REQUIREMENT – Which lines below include the string "IFCLOCALPLACEMENT"? Please show each one.

STORED DATA –
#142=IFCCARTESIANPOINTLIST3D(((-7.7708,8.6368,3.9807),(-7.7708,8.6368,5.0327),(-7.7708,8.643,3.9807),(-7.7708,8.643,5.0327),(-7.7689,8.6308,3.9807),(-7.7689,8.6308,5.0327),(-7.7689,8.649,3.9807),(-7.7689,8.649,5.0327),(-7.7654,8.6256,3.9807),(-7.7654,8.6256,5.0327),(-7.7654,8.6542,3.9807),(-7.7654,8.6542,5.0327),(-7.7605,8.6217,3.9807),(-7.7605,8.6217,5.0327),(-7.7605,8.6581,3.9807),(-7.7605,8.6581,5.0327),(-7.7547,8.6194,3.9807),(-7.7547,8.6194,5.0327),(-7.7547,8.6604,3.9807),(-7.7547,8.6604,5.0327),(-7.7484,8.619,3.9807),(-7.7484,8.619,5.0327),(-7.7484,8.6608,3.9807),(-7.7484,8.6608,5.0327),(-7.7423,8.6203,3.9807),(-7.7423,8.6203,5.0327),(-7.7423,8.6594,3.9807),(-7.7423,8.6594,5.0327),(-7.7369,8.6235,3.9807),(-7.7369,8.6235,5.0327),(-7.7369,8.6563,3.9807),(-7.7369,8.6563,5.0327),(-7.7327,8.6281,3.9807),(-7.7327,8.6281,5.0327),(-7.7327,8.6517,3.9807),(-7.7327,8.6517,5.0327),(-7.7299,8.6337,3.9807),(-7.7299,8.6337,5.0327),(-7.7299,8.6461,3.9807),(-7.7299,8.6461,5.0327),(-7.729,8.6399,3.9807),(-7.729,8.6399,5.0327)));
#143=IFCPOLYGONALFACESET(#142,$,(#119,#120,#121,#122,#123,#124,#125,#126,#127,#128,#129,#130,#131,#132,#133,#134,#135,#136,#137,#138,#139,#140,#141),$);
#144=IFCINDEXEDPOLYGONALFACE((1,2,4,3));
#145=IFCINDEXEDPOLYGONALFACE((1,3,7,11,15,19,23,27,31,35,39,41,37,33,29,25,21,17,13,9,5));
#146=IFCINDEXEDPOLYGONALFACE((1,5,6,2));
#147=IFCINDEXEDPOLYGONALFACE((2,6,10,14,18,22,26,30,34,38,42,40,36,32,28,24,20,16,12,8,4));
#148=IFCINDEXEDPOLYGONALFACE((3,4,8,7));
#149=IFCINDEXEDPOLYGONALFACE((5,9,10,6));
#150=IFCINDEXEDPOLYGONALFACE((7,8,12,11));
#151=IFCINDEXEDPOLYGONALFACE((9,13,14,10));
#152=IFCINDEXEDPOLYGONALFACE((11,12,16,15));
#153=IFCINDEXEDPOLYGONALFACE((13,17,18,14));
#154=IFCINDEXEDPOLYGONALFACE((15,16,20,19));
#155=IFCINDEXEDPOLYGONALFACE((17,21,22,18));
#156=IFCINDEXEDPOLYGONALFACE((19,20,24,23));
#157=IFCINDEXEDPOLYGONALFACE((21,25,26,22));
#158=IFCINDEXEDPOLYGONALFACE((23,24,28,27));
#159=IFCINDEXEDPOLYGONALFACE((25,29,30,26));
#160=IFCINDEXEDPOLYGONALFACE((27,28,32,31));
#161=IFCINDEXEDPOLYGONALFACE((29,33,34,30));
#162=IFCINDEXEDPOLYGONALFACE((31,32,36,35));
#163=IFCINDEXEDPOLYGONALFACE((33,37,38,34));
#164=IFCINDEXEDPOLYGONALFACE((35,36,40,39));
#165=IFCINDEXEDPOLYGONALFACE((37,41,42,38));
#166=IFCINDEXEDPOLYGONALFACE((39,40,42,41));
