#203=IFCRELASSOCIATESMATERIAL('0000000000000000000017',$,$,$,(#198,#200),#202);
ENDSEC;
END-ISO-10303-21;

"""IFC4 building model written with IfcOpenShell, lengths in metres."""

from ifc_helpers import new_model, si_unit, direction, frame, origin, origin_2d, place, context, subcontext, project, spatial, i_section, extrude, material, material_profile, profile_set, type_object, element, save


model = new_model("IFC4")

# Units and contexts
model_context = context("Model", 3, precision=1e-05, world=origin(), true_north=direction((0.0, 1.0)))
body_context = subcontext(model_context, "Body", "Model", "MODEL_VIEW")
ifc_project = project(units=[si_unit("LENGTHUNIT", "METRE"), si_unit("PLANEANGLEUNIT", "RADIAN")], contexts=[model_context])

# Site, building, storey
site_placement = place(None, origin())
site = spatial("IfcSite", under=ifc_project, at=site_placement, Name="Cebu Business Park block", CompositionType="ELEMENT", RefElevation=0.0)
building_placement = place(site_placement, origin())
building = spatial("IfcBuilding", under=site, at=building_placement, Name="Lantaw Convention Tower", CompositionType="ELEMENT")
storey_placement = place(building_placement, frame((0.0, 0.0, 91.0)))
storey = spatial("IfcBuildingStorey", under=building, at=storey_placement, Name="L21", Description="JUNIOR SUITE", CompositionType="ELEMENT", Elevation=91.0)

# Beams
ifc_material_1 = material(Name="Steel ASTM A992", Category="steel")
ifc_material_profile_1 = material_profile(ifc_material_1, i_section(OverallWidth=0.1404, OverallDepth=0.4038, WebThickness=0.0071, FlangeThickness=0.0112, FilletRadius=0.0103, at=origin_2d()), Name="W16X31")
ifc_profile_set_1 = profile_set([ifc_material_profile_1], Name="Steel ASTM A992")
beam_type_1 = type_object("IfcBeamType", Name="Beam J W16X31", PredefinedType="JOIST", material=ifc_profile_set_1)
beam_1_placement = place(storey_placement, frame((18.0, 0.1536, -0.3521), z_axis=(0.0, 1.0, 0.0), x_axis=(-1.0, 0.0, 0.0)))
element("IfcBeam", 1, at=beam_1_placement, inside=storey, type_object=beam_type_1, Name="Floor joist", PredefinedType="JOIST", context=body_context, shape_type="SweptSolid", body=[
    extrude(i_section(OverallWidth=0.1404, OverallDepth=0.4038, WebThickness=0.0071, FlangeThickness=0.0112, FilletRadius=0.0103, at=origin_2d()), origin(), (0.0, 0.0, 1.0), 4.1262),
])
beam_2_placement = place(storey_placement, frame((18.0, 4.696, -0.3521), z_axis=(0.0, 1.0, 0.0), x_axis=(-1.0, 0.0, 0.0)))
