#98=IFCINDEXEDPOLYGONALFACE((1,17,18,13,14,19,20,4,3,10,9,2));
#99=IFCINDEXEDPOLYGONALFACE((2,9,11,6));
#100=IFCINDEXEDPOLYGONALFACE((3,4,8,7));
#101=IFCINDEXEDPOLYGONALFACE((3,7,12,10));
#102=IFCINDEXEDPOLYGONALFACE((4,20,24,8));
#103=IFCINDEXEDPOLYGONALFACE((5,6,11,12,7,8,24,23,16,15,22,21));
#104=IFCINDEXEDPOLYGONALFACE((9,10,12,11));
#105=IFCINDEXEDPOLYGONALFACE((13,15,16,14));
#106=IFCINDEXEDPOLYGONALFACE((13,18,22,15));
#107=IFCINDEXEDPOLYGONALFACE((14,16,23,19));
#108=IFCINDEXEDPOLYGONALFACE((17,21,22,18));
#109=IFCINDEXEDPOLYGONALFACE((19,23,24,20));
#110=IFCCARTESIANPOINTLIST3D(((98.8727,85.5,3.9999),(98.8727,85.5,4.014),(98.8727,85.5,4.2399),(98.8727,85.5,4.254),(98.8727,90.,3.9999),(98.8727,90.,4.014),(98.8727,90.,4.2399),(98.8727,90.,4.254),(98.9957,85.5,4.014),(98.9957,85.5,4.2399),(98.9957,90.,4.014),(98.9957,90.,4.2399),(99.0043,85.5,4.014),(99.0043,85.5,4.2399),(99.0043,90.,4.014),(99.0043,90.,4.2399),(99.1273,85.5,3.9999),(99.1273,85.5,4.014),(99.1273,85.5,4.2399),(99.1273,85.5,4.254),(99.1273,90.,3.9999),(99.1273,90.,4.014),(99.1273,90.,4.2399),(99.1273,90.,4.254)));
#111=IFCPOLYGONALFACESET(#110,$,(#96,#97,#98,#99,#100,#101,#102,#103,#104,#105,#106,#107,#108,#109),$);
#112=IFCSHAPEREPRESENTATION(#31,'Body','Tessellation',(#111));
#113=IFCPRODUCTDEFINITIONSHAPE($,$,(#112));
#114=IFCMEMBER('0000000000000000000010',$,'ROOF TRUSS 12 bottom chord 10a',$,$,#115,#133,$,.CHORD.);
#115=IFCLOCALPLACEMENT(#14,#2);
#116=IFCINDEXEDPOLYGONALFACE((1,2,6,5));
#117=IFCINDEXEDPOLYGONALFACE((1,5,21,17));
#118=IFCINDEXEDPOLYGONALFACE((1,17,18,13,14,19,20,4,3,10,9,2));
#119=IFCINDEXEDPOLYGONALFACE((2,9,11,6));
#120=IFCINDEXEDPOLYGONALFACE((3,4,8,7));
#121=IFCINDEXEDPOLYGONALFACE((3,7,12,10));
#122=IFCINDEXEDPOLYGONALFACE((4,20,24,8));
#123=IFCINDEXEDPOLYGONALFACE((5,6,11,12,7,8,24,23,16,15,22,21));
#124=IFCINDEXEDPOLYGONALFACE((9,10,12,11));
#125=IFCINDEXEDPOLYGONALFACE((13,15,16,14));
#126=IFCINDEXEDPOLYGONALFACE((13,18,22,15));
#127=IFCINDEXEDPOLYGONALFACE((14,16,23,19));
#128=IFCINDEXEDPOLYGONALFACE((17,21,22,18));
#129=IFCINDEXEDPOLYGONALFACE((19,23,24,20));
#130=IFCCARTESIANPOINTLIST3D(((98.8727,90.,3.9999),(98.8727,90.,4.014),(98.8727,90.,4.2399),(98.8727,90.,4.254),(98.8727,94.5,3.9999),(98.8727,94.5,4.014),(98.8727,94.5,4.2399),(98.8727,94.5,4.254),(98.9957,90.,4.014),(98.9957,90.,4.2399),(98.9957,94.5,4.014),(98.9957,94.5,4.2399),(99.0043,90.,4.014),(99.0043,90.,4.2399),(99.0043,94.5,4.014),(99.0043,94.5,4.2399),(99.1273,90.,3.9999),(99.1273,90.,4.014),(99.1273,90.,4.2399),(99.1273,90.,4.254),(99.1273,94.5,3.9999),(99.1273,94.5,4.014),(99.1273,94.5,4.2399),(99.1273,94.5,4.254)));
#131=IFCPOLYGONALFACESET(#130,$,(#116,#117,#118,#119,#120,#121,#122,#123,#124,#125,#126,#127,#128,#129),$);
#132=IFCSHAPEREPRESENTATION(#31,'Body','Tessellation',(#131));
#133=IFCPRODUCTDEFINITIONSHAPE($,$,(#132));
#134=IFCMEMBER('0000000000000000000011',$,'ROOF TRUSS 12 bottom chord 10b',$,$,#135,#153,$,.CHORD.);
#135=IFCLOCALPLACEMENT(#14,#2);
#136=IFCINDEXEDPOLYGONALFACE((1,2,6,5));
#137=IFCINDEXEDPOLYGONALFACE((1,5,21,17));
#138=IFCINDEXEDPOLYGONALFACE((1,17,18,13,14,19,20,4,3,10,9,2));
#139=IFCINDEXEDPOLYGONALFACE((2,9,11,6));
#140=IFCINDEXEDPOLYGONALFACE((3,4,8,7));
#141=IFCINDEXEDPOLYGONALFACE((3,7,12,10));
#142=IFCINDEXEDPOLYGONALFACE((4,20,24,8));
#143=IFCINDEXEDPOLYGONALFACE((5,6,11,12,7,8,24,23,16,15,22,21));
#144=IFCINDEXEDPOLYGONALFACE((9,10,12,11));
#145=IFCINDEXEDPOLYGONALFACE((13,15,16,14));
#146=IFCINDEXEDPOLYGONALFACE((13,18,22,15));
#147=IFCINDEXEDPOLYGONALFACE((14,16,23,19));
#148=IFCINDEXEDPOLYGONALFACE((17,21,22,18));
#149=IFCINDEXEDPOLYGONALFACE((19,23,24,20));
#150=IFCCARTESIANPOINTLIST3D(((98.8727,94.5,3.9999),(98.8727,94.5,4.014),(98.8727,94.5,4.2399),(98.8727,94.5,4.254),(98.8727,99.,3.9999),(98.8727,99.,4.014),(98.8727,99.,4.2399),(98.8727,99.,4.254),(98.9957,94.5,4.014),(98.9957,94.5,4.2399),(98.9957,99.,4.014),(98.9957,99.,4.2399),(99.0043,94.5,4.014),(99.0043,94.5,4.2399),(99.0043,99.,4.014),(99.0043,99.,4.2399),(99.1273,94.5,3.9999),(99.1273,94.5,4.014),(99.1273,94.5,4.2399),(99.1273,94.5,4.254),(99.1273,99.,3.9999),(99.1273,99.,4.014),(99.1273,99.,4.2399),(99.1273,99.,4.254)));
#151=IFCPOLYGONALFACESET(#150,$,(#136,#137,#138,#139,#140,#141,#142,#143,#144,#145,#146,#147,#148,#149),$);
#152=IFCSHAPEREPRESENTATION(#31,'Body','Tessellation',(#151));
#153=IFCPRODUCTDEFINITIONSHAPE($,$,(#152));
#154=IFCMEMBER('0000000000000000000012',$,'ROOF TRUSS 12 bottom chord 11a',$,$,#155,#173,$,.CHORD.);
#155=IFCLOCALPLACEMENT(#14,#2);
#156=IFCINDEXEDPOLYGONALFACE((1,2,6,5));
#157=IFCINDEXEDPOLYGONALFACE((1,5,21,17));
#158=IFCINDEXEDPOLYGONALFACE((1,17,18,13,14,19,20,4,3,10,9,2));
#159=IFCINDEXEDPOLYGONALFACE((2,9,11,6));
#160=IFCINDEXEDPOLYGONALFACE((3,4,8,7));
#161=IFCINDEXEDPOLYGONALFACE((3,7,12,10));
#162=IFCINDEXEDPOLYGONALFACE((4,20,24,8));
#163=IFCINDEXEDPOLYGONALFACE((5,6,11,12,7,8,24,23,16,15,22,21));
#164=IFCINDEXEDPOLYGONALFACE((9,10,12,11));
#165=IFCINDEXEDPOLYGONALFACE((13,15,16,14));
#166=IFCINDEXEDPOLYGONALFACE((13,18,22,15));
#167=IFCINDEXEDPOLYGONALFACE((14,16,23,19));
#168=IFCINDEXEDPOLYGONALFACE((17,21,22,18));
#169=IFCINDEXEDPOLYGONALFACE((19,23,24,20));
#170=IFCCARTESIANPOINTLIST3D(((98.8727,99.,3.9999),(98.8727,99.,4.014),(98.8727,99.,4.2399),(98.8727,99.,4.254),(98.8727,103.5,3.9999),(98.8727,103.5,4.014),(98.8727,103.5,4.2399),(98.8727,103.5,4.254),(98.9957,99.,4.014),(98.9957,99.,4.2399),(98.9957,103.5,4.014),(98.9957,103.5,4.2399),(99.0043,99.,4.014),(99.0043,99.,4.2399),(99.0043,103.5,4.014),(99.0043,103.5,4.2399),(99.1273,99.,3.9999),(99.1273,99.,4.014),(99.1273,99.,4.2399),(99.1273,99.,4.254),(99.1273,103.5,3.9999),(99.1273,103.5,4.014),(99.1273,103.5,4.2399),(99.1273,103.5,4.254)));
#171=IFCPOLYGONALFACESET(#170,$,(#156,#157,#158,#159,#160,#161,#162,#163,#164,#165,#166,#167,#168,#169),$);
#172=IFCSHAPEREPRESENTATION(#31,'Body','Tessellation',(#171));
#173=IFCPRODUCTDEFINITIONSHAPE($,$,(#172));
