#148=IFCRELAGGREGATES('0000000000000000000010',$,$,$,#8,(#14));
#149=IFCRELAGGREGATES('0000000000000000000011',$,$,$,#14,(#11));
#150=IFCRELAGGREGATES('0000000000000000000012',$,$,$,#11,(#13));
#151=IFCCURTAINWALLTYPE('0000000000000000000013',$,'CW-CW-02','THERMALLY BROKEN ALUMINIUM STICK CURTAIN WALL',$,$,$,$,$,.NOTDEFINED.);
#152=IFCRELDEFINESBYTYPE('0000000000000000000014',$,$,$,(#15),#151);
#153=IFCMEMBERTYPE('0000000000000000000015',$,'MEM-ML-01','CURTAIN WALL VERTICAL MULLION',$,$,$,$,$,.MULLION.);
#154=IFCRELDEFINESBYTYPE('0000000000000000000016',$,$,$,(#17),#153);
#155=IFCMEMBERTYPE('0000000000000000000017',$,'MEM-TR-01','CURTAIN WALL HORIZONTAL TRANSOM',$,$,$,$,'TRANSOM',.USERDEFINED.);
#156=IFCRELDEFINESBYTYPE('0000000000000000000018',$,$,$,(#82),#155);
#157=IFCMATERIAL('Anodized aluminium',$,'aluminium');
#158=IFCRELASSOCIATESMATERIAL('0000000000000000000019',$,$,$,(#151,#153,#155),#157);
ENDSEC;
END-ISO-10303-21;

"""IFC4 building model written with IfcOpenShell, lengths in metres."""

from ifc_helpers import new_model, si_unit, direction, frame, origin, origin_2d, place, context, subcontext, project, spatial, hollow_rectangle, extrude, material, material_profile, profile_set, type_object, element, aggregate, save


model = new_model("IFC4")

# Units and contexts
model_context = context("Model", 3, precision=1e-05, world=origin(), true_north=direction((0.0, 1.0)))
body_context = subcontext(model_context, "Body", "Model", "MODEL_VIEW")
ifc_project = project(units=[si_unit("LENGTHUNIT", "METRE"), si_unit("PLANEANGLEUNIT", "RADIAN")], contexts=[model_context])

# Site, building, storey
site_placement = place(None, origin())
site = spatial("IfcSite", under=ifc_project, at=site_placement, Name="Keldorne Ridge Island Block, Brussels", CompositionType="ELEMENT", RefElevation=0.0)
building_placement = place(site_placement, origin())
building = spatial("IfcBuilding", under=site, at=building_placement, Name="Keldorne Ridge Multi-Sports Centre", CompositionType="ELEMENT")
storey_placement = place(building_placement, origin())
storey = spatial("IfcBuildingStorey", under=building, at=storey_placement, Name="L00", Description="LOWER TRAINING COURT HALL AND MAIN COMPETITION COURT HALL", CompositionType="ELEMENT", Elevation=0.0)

COMPLETED EXERCISE –
#115=IFCLOCALPLACEMENT(#14,#2);
#135=IFCLOCALPLACEMENT(#14,#2);
#155=IFCLOCALPLACEMENT(#14,#2);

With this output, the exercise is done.